--- Directions for this task ---
Take the entries below and retype them exactly.

(Saved data entries)

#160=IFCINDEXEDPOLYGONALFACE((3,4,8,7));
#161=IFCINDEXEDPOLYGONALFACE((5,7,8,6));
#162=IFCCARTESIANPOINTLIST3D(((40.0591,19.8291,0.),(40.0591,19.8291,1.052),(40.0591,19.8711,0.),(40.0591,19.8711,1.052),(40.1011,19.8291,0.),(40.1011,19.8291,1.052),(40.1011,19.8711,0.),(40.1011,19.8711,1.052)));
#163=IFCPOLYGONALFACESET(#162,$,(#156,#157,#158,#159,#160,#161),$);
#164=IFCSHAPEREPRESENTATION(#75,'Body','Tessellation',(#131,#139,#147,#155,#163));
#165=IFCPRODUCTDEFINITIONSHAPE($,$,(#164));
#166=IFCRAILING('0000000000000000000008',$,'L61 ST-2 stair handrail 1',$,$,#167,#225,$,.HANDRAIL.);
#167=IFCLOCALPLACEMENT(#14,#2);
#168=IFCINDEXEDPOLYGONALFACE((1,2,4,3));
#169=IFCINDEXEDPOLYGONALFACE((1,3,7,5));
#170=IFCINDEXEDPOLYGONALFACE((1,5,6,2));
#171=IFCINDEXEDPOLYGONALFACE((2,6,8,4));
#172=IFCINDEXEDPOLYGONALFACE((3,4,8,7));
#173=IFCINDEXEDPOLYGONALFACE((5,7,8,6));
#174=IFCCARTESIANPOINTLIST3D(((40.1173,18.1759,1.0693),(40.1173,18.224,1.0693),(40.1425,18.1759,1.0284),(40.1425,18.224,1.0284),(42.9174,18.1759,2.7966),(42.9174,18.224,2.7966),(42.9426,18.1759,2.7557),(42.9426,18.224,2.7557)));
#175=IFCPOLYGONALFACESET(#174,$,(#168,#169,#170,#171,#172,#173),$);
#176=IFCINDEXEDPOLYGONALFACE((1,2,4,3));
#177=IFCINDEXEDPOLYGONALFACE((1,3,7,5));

--- Written solution ---
#160=IFCINDEXEDPOLYGONALFACE((3,4,8,7));
#161=IFCINDEXEDPOLYGONALFACE((5,7,8,6));
#162=IFCCARTESIANPOINTLIST3D(((40.0591,19.8291,0.),(40.0591,19.8291,1.052),(40.0591,19.8711,0.),(40.0591,19.8711,1.052),(40.1011,19.8291,0.),(40.1011,19.8291,1.052),(40.1011,19.8711,0.),(40.1011,19.8711,1.052)));
#163=IFCPOLYGONALFACESET(#162,$,(#156,#157,#158,#159,#160,#161),$);
#164=IFCSHAPEREPRESENTATION(#75,'Body','Tessellation',(#131,#139,#147,#155,#163));
#165=IFCPRODUCTDEFINITIONSHAPE($,$,(#164));
#166=IFCRAILING('0000000000000000000008',$,'L61 ST-2 stair handrail 1',$,$,#167,#225,$,.HANDRAIL.);
#167=IFCLOCALPLACEMENT(#14,#2);
#168=IFCINDEXEDPOLYGONALFACE((1,2,4,3));
#169=IFCINDEXEDPOLYGONALFACE((1,3,7,5));
#170=IFCINDEXEDPOLYGONALFACE((1,5,6,2));
#171=IFCINDEXEDPOLYGONALFACE((2,6,8,4));
#172=IFCINDEXEDPOLYGONALFACE((3,4,8,7));
#173=IFCINDEXEDPOLYGONALFACE((5,7,8,6));
#174=IFCCARTESIANPOINTLIST3D(((40.1173,18.1759,1.0693),(40.1173,18.224,1.0693),(40.1425,18.1759,1.0284),(40.1425,18.224,1.0284),(42.9174,18.1759,2.7966),(42.9174,18.224,2.7966),(42.9426,18.1759,2.7557),(42.9426,18.224,2.7557)));
#175=IFCPOLYGONALFACESET(#174,$,(#168,#169,#170,#171,#172,#173),$);
#176=IFCINDEXEDPOLYGONALFACE((1,2,4,3));
#177=IFCINDEXEDPOLYGONALFACE((1,3,7,5));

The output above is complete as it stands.